Exercise:
In the records below, find the line holding "#57=IFCMATERIAL('Aluminium extrusion',$,'aluminium');" and the line holding "END-ISO-10303-21;". Set down both, with every line between them, exactly.

Exercise materials:
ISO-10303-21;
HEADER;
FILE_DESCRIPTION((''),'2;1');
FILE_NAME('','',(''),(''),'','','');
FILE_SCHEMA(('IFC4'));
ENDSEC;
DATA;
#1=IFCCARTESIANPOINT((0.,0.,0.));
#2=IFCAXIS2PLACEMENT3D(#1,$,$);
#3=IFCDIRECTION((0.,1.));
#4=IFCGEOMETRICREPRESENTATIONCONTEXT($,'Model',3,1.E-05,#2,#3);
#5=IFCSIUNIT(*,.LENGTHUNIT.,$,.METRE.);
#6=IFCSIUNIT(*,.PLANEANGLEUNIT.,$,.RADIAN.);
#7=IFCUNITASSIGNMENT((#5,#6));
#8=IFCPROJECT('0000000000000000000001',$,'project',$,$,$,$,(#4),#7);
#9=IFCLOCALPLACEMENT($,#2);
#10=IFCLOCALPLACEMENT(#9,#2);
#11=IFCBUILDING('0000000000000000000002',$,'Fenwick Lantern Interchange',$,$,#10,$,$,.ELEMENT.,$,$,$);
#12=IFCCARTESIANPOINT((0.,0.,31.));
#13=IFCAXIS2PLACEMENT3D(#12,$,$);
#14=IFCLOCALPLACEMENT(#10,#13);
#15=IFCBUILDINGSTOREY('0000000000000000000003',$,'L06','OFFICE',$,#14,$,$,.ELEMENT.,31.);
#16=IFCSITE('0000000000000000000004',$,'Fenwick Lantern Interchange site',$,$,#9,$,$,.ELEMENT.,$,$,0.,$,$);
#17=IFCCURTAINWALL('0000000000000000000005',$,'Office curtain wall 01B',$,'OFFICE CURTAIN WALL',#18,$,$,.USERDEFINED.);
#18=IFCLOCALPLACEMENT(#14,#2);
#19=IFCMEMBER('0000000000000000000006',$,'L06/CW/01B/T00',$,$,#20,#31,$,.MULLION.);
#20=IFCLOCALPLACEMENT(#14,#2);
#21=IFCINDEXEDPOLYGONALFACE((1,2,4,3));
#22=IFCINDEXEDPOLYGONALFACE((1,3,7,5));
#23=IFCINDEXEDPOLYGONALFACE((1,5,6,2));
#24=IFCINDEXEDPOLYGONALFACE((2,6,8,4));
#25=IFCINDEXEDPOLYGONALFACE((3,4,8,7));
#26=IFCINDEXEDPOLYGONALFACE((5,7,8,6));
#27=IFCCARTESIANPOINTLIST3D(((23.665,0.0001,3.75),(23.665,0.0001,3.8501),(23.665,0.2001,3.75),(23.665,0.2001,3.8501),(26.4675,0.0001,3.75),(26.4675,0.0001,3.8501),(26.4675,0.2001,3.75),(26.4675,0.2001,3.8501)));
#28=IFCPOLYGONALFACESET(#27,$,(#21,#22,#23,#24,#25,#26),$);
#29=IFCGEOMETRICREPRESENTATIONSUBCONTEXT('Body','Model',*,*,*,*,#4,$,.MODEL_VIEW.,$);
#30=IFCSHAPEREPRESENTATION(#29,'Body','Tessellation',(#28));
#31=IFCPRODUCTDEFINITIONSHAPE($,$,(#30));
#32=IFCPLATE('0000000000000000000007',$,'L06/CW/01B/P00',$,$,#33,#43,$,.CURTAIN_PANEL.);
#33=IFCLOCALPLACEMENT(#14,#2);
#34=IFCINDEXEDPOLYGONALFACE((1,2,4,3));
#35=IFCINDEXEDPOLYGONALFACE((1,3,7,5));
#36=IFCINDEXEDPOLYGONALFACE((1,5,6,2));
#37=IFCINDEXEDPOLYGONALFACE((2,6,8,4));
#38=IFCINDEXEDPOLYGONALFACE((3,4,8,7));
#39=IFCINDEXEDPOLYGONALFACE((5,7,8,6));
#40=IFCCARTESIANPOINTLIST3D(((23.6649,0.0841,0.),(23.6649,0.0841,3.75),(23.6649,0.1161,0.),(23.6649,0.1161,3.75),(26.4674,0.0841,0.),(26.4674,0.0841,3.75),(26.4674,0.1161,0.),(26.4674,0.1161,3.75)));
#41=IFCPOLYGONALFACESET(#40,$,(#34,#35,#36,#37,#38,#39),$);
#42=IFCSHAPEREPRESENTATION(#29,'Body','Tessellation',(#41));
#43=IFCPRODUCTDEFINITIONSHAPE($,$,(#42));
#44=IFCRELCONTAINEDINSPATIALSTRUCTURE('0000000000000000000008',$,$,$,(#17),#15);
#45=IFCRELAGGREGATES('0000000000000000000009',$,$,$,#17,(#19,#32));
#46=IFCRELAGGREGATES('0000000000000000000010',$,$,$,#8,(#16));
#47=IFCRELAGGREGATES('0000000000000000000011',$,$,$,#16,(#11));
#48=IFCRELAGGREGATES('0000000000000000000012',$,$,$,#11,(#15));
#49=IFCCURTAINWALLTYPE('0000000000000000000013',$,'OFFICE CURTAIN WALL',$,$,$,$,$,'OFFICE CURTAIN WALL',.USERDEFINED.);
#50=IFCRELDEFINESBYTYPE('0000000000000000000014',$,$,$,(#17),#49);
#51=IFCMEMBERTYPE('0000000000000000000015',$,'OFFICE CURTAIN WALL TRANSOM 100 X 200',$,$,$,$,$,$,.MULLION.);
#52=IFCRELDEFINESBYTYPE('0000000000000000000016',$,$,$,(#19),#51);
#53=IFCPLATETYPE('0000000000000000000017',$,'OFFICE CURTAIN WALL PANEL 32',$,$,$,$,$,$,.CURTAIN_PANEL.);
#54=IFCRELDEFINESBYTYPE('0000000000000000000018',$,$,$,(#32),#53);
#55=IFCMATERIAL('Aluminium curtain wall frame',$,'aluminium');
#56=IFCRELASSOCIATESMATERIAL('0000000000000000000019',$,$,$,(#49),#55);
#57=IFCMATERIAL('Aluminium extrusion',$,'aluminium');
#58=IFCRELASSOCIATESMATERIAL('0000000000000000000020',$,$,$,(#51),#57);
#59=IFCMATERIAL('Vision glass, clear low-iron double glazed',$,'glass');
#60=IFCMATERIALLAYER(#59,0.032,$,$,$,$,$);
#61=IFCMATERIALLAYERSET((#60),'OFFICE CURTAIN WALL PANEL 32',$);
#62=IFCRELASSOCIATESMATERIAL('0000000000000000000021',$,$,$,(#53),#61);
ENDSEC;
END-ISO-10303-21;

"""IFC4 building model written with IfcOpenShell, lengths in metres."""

from ifc_helpers import new_model, si_unit, direction, frame, origin, origin_2d, place, context, subcontext, project, spatial, rectangle, extrude, material, layer, layer_set, material_profile, profile_set, type_object, element, aggregate, save


model = new_model("IFC4")

# Units and contexts
model_context = context("Model", 3, precision=1e-05, world=origin(), true_north=direction((0.0, 1.0)))
body_context = subcontext(model_context, "Body", "Model", "MODEL_VIEW")
ifc_project = project(units=[si_unit("LENGTHUNIT", "METRE"), si_unit("PLANEANGLEUNIT", "RADIAN")], contexts=[model_context])

# Site, building, storey
site_placement = place(None, origin())
site = spatial("IfcSite", under=ifc_project, at=site_placement, Name="Fenwick Lantern Interchange site", CompositionType="ELEMENT", RefElevation=0.0)
building_placement = place(site_placement, origin())
building = spatial("IfcBuilding", under=site, at=building_placement, Name="Fenwick Lantern Interchange", CompositionType="ELEMENT")
storey_placement = place(building_placement, frame((0.0, 0.0, 31.0)))
storey = spatial("IfcBuildingStorey", under=building, at=storey_placement, Name="L06", Description="OFFICE", CompositionType="ELEMENT", Elevation=31.0)

# Shared definitions
ifc_material_1 = material(Name="Aluminium curtain wall frame", Category="aluminium")
curtain_wall_type = type_object("IfcCurtainWallType", Name="OFFICE CURTAIN WALL", ElementType="OFFICE CURTAIN WALL", PredefinedType="USERDEFINED", material=ifc_material_1)
ifc_material_2 = material(Name="Aluminium extrusion", Category="aluminium")

# Curtain wall, member, plate
curtain_wall_1_placement = place(storey_placement, origin())
curtain_wall_1 = element("IfcCurtainWall", 1, at=curtain_wall_1_placement, inside=storey, type_object=curtain_wall_type, Name="Office curtain wall 01B", ObjectType="OFFICE CURTAIN WALL", PredefinedType="USERDEFINED")
ifc_material_profile_1 = material_profile(ifc_material_2, rectangle(XDim=0.2, YDim=0.1001, at=origin_2d()), Name="OFFICE CURTAIN WALL TRANSOM 100 X 200")
ifc_profile_set_1 = profile_set([ifc_material_profile_1], Name="Aluminium extrusion")
member_type_1 = type_object("IfcMemberType", Name="OFFICE CURTAIN WALL TRANSOM 100 X 200", PredefinedType="MULLION", material=ifc_profile_set_1)
member_1_placement = place(storey_placement, frame((23.665, 0.1001, 3.8), z_axis=(1.0, 0.0, 0.0), x_axis=(0.0, 1.0, 0.0)))
member_1 = element("IfcMember", 2, at=member_1_placement, type_object=member_type_1, Name="L06/CW/01B/T00", PredefinedType="MULLION", context=body_context, shape_type="SweptSolid", body=[
    extrude(rectangle(XDim=0.2, YDim=0.1001, at=origin_2d()), origin(), (0.0, 0.0, 1.0), 2.8025),
])
ifc_material_3 = material(Name="Vision glass, clear low-iron double glazed", Category="glass")
ifc_layer_1 = layer(ifc_material_3, 0.032)
ifc_layer_set_1 = layer_set([ifc_layer_1], Name="OFFICE CURTAIN WALL PANEL 32")
plate_type = type_object("IfcPlateType", Name="OFFICE CURTAIN WALL PANEL 32", PredefinedType="CURTAIN_PANEL", material=ifc_layer_set_1)
plate_1_placement = place(storey_placement, frame((25.0662, 0.1001, 0.0), z_axis=(0.0, 0.0, 1.0), x_axis=(1.0, 0.0, 0.0)))
plate_1 = element("IfcPlate", 3, at=plate_1_placement, type_object=plate_type, Name="L06/CW/01B/P00", PredefinedType="CURTAIN_PANEL", context=body_context, shape_type="SweptSolid", body=[
    extrude(rectangle(XDim=2.8025, YDim=0.032, at=origin_2d()), origin(), (0.0, 0.0, 1.0), 3.75),
])
aggregate(curtain_wall_1, [member_1, plate_1])

save(model, "model.ifc")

Your solution:
#57=IFCMATERIAL('Aluminium extrusion',$,'aluminium');
#58=IFCRELASSOCIATESMATERIAL('0000000000000000000020',$,$,$,(#51),#57);
#59=IFCMATERIAL('Vision glass, clear low-iron double glazed',$,'glass');
#60=IFCMATERIALLAYER(#59,0.032,$,$,$,$,$);
#61=IFCMATERIALLAYERSET((#60),'OFFICE CURTAIN WALL PANEL 32',$);
#62=IFCRELASSOCIATESMATERIAL('0000000000000000000021',$,$,$,(#53),#61);
ENDSEC;
END-ISO-10303-21;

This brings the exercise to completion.